**Task to carry out**
Across the following data, how many lines include the string "gypsum"? Reply with the number and nothing more.

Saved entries
--- START ---
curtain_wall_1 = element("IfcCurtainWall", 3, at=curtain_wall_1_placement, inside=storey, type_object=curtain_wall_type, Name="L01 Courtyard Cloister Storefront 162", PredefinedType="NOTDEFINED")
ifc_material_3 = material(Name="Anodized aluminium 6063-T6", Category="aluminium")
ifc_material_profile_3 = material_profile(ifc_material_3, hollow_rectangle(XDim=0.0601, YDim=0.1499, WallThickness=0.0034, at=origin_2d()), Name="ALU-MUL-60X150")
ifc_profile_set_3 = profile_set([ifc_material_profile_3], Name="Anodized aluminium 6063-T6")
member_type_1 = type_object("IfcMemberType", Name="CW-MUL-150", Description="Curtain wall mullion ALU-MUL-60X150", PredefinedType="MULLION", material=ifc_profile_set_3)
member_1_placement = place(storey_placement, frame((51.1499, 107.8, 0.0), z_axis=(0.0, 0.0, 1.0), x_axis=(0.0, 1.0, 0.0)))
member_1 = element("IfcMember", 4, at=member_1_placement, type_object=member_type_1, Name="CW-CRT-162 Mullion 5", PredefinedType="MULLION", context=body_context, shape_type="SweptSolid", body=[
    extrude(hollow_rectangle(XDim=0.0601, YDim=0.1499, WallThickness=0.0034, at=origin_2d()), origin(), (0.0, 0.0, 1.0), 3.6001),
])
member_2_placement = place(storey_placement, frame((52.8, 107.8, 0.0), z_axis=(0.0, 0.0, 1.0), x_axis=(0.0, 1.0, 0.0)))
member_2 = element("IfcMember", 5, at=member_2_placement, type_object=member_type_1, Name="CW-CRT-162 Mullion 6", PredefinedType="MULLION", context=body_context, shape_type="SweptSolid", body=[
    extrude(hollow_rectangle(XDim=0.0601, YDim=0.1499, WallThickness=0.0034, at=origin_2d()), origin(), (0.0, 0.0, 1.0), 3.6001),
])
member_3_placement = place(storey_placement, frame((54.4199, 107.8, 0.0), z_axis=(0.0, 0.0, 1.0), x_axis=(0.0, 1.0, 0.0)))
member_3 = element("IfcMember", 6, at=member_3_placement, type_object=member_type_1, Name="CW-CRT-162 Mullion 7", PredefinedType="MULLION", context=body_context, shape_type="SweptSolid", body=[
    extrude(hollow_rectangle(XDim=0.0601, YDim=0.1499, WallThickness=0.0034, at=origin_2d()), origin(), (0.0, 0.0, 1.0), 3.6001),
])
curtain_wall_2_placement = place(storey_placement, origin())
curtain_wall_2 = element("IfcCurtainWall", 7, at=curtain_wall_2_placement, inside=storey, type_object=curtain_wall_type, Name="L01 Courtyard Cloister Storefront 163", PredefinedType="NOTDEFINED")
--- END ---
--- START ---
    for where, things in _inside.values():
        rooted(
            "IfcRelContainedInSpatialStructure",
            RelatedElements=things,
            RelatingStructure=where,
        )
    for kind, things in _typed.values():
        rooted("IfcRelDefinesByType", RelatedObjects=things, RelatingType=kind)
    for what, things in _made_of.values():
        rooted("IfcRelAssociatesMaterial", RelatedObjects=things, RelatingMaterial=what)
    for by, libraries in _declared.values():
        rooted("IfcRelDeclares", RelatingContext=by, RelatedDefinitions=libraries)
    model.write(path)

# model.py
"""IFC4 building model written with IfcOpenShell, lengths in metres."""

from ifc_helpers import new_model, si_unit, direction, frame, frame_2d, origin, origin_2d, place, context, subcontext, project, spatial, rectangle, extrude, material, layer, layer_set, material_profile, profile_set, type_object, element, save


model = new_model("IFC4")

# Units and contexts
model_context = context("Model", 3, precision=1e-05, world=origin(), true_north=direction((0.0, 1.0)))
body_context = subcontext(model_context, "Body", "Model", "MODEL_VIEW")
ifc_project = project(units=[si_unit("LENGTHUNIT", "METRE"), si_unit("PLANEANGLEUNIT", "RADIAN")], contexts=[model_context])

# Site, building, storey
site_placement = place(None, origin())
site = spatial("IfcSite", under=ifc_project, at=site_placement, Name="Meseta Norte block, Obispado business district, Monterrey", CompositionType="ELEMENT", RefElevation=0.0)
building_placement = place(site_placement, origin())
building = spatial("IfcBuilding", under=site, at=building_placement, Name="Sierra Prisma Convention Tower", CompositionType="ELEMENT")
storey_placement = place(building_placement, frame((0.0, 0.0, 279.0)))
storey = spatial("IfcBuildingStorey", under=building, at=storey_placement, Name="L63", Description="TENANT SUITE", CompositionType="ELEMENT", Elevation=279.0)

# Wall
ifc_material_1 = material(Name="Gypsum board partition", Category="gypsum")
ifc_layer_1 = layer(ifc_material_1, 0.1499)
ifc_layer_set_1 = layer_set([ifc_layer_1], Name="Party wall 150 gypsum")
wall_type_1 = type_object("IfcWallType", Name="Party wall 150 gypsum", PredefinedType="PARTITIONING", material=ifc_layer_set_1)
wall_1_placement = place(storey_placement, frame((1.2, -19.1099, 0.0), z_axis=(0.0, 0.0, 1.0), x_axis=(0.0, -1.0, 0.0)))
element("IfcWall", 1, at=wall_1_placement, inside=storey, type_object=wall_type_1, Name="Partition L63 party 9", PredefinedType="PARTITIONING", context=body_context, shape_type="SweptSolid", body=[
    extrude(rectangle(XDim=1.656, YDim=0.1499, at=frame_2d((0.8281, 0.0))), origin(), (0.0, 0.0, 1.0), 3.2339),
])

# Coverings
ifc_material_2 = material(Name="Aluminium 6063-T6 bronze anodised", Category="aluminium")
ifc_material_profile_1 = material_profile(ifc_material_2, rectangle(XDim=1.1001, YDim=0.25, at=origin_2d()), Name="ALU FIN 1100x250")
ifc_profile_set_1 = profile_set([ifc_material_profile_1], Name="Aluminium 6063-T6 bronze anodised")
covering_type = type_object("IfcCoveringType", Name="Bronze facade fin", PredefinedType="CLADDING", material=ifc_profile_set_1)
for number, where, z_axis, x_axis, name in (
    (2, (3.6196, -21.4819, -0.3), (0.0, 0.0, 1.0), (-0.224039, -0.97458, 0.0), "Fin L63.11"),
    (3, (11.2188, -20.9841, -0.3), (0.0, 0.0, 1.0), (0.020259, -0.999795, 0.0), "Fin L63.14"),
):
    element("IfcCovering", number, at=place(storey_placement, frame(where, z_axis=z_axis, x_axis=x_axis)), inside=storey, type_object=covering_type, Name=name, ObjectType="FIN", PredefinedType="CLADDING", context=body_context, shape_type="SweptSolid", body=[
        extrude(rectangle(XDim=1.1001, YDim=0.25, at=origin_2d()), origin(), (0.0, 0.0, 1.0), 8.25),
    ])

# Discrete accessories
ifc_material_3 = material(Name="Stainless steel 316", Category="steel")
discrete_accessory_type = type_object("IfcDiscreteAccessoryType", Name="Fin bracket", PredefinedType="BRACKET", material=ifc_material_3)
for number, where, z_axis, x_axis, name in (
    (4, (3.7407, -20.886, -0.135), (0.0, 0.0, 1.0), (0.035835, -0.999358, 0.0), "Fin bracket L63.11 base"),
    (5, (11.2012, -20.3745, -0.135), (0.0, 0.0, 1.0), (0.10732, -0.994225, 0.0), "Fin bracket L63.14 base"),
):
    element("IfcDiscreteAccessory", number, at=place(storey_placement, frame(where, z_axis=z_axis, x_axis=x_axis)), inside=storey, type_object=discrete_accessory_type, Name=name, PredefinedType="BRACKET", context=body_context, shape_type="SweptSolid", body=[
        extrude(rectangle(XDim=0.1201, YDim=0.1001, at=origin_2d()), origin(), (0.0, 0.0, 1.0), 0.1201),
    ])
--- END ---
--- START ---
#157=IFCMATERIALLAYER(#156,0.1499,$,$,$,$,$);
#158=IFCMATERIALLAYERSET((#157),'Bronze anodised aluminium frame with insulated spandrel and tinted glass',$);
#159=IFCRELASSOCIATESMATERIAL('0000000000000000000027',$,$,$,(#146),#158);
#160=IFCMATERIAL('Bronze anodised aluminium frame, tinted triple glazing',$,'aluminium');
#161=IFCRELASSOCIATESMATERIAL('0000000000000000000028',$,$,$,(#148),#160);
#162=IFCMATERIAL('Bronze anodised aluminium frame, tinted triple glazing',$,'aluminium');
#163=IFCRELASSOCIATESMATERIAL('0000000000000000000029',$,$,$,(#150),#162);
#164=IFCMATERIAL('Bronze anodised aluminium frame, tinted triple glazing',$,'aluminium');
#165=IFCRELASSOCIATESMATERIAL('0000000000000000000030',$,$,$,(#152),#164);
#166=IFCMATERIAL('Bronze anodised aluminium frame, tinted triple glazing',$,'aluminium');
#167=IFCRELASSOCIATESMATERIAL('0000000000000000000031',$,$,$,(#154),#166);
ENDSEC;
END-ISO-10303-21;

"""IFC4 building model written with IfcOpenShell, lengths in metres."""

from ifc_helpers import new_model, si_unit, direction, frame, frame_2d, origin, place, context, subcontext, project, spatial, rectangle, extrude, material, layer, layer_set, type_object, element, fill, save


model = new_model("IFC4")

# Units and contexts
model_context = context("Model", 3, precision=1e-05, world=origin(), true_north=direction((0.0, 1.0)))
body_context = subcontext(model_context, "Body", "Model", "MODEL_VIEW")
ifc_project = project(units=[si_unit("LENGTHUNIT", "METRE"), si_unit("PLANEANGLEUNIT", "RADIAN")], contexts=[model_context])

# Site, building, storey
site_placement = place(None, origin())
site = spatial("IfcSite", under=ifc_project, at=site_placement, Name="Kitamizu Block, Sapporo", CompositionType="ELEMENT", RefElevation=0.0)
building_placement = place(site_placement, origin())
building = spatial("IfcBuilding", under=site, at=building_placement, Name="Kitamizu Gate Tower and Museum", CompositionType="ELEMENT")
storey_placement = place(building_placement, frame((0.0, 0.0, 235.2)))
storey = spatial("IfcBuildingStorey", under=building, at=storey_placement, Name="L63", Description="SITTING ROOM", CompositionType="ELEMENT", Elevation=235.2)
--- END ---
**Result for this task**
3